§ **Problem**: The output is the lines below from the one with "#53=IFCINDEXEDPOLYGONALFACE((13,17,18,14));" through the one with "#66=IFCINDEXEDPOLYGONALFACE((39,40,42,41));", both included, printed exactly and with no other line.

Dataset records:
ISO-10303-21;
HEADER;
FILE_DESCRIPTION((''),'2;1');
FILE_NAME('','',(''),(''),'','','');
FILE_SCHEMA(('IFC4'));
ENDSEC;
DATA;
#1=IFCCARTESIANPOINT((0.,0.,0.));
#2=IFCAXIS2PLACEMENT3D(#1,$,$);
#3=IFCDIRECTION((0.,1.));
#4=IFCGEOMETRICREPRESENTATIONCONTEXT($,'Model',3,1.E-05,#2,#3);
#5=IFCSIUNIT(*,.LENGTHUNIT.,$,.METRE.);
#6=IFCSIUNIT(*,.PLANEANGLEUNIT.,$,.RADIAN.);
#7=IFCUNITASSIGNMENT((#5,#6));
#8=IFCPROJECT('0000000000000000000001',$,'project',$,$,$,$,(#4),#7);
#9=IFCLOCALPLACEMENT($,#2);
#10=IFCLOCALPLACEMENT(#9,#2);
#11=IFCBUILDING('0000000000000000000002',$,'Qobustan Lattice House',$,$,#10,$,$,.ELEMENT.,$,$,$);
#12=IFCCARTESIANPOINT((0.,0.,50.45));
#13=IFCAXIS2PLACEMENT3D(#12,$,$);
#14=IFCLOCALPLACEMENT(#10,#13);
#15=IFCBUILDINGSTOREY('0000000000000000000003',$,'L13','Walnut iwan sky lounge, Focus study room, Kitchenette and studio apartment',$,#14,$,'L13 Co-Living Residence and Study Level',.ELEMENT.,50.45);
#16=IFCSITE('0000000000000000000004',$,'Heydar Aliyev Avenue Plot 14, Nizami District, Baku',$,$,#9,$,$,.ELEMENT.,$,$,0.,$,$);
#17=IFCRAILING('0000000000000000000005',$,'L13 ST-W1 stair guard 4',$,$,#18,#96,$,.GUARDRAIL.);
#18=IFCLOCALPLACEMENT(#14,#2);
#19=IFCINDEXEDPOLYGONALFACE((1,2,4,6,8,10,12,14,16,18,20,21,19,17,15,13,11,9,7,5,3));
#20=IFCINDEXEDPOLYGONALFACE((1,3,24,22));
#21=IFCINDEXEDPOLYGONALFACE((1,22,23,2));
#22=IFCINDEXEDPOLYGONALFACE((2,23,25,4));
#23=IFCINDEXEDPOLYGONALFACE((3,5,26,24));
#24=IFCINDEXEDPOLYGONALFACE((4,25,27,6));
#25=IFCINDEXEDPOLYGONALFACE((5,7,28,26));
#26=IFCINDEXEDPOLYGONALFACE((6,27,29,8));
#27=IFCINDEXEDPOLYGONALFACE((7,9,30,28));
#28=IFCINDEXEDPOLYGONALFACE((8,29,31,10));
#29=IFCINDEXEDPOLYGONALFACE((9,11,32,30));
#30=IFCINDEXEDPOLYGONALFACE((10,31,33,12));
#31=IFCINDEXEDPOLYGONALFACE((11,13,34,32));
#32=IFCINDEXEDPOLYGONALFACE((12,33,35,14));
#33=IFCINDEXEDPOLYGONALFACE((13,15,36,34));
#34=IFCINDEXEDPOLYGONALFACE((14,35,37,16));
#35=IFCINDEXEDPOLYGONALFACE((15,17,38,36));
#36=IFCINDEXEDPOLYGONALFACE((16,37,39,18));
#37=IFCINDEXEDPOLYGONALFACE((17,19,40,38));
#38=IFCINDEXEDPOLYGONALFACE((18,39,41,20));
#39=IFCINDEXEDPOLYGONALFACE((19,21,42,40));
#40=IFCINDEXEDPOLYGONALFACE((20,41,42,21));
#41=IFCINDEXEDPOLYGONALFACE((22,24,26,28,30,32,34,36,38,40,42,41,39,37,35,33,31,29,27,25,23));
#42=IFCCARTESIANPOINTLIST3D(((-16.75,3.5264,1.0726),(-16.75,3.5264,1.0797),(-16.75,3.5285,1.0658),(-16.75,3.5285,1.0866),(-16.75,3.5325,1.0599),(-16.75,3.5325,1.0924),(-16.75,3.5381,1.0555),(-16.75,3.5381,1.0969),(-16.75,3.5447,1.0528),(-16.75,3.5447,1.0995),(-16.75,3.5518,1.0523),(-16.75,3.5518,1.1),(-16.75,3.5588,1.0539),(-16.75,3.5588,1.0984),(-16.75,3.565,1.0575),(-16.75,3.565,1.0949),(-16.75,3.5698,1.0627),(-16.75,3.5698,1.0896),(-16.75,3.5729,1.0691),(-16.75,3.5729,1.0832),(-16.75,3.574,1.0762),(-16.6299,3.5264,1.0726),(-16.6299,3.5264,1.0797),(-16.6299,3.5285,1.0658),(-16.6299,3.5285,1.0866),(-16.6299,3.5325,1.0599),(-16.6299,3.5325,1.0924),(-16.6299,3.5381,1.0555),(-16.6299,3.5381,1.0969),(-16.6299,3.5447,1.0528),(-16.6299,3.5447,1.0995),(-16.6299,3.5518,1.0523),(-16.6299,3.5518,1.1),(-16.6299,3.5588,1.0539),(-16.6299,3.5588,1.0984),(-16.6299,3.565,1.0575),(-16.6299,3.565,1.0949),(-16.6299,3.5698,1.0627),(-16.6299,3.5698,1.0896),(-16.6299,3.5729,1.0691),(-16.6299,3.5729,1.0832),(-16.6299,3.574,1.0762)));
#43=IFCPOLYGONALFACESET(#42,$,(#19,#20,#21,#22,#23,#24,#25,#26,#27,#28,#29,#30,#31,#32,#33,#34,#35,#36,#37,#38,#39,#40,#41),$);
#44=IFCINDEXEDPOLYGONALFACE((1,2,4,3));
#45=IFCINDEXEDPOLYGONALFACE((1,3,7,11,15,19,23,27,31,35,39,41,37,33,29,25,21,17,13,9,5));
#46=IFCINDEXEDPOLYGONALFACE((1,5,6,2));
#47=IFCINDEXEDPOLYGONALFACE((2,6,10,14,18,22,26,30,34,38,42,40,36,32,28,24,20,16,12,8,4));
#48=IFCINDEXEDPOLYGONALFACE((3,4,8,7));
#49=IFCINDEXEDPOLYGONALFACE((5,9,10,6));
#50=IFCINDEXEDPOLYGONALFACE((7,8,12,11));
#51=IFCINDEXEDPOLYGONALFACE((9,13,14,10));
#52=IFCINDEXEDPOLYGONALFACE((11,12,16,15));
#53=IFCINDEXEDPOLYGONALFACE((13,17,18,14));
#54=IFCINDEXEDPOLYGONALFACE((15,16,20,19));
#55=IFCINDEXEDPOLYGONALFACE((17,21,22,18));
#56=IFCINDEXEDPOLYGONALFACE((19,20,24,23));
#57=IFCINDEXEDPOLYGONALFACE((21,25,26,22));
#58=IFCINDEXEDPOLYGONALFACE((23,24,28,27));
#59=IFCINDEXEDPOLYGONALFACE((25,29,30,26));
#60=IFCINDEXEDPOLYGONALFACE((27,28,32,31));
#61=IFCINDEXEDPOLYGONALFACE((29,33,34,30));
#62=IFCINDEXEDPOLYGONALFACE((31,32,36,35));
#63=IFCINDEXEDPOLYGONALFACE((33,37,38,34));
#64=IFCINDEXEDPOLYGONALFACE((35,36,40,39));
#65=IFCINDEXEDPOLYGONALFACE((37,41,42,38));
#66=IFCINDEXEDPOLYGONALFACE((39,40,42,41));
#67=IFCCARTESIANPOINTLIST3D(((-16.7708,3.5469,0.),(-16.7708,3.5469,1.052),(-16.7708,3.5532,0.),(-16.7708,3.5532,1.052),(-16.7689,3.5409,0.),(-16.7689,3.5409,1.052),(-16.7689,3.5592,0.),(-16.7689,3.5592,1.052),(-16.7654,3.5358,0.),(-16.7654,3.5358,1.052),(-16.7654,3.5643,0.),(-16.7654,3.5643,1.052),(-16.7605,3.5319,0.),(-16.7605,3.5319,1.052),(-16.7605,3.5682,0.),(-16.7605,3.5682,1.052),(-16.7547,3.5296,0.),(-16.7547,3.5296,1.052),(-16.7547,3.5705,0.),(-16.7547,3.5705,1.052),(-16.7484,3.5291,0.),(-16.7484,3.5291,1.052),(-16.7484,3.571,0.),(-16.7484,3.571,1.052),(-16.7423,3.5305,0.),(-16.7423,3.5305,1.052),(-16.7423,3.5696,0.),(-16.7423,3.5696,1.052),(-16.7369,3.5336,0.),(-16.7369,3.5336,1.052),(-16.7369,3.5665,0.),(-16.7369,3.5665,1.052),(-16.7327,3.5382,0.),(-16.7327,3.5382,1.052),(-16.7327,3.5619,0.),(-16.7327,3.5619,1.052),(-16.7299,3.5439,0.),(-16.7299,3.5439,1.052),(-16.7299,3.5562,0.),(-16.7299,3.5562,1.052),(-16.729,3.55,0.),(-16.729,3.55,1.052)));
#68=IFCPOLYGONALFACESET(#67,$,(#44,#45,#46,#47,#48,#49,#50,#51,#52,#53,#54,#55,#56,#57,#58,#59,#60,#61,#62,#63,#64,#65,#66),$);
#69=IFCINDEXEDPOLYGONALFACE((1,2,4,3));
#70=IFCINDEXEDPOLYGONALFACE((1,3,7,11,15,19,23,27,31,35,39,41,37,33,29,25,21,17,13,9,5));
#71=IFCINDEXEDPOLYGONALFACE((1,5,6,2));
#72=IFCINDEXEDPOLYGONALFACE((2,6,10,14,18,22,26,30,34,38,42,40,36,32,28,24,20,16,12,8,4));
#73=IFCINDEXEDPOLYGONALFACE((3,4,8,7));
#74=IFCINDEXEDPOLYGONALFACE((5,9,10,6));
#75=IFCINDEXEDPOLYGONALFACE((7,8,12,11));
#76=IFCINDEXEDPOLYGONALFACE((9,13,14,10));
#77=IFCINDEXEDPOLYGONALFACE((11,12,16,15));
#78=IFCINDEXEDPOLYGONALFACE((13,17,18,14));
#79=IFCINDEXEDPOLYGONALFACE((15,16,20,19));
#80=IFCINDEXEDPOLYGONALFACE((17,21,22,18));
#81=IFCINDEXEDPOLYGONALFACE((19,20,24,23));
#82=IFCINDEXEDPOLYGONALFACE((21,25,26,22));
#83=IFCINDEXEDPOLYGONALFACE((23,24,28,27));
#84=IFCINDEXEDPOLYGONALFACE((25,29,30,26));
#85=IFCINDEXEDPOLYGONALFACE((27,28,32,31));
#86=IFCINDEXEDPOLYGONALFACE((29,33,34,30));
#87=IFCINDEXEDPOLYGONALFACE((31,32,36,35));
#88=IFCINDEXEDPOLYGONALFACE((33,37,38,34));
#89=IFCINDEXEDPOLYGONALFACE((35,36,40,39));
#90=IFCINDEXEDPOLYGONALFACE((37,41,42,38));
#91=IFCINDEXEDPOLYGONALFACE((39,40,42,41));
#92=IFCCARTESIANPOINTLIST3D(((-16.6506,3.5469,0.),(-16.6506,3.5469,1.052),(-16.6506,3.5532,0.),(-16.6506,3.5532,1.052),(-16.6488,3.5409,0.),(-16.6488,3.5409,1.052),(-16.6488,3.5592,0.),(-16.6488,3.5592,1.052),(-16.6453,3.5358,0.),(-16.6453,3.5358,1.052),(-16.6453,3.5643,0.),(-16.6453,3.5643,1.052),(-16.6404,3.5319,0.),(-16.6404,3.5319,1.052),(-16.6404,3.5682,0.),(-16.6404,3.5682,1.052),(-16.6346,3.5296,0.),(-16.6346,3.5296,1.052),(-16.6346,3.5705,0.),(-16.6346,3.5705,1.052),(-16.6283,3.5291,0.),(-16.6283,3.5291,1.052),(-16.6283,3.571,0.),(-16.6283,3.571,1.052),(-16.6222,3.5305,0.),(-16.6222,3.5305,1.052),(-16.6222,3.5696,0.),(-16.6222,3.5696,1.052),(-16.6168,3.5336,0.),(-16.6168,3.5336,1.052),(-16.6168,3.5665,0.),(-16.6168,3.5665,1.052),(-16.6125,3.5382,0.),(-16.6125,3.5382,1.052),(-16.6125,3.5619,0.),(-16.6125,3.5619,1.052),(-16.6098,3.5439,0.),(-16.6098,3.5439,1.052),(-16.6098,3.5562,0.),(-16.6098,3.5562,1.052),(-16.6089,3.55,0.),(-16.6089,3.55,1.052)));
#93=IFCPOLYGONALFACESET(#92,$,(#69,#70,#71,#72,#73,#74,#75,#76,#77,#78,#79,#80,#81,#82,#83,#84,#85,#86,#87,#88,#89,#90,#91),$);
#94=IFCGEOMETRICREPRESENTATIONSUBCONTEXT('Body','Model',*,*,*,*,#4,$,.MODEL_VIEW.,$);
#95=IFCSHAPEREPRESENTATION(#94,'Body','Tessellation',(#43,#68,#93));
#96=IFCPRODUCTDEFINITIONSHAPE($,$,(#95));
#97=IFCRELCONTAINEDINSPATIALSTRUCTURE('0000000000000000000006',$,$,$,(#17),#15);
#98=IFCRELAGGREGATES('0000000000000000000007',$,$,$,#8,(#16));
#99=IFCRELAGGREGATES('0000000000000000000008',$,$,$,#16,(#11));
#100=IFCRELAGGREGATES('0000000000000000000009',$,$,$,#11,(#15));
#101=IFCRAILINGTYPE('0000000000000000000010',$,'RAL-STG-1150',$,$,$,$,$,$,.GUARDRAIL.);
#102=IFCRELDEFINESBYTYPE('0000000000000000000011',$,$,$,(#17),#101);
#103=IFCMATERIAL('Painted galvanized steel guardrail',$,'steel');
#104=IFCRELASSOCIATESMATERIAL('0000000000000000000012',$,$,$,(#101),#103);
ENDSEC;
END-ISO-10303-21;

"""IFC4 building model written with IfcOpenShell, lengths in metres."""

from ifc_helpers import new_model, si_unit, direction, frame, origin, origin_2d, place, context, subcontext, project, spatial, circle, extrude, material, type_object, element, save


model = new_model("IFC4")

# Units and contexts
model_context = context("Model", 3, precision=1e-05, world=origin(), true_north=direction((0.0, 1.0)))
body_context = subcontext(model_context, "Body", "Model", "MODEL_VIEW")
ifc_project = project(units=[si_unit("LENGTHUNIT", "METRE"), si_unit("PLANEANGLEUNIT", "RADIAN")], contexts=[model_context])

# Site, building, storey
site_placement = place(None, origin())
site = spatial("IfcSite", under=ifc_project, at=site_placement, Name="Heydar Aliyev Avenue Plot 14, Nizami District, Baku", CompositionType="ELEMENT", RefElevation=0.0)
building_placement = place(site_placement, origin())
building = spatial("IfcBuilding", under=site, at=building_placement, Name="Qobustan Lattice House", CompositionType="ELEMENT")
storey_placement = place(building_placement, frame((0.0, 0.0, 50.45)))
storey = spatial("IfcBuildingStorey", under=building, at=storey_placement, Name="L13", Description="Walnut iwan sky lounge, Focus study room, Kitchenette and studio apartment", LongName="L13 Co-Living Residence and Study Level", CompositionType="ELEMENT", Elevation=50.45)

# Railing
ifc_material_1 = material(Name="Painted galvanized steel guardrail", Category="steel")
railing_type_1 = type_object("IfcRailingType", Name="RAL-STG-1150", PredefinedType="GUARDRAIL", material=ifc_material_1)
railing_1_placement = place(storey_placement, frame((-16.75, 3.55, 0.0)))
element("IfcRailing", 1, at=railing_1_placement, inside=storey, type_object=railing_type_1, Name="L13 ST-W1 stair guard 4", PredefinedType="GUARDRAIL", context=body_context, shape_type="SweptSolid", body=[
    extrude(circle(Radius=0.0239, at=origin_2d()), frame((0.0, 0.0, 1.0762), z_axis=(1.0, 0.0, 0.0), x_axis=(0.0, 1.0, 0.0)), (0.0, 0.0, 1.0), 0.1201),
    extrude(circle(Radius=0.021, at=origin_2d()), origin(), (0.0, 0.0, 1.0), 1.052),
    extrude(circle(Radius=0.021, at=origin_2d()), frame((0.1201, 0.0, 0.0)), (0.0, 0.0, 1.0), 1.052),
])

save(model, "model.ifc")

§ **Expected output**:
#53=IFCINDEXEDPOLYGONALFACE((13,17,18,14));
#54=IFCINDEXEDPOLYGONALFACE((15,16,20,19));
#55=IFCINDEXEDPOLYGONALFACE((17,21,22,18));
#56=IFCINDEXEDPOLYGONALFACE((19,20,24,23));
#57=IFCINDEXEDPOLYGONALFACE((21,25,26,22));
#58=IFCINDEXEDPOLYGONALFACE((23,24,28,27));
#59=IFCINDEXEDPOLYGONALFACE((25,29,30,26));
#60=IFCINDEXEDPOLYGONALFACE((27,28,32,31));
#61=IFCINDEXEDPOLYGONALFACE((29,33,34,30));
#62=IFCINDEXEDPOLYGONALFACE((31,32,36,35));
#63=IFCINDEXEDPOLYGONALFACE((33,37,38,34));
#64=IFCINDEXEDPOLYGONALFACE((35,36,40,39));
#65=IFCINDEXEDPOLYGONALFACE((37,41,42,38));
#66=IFCINDEXEDPOLYGONALFACE((39,40,42,41));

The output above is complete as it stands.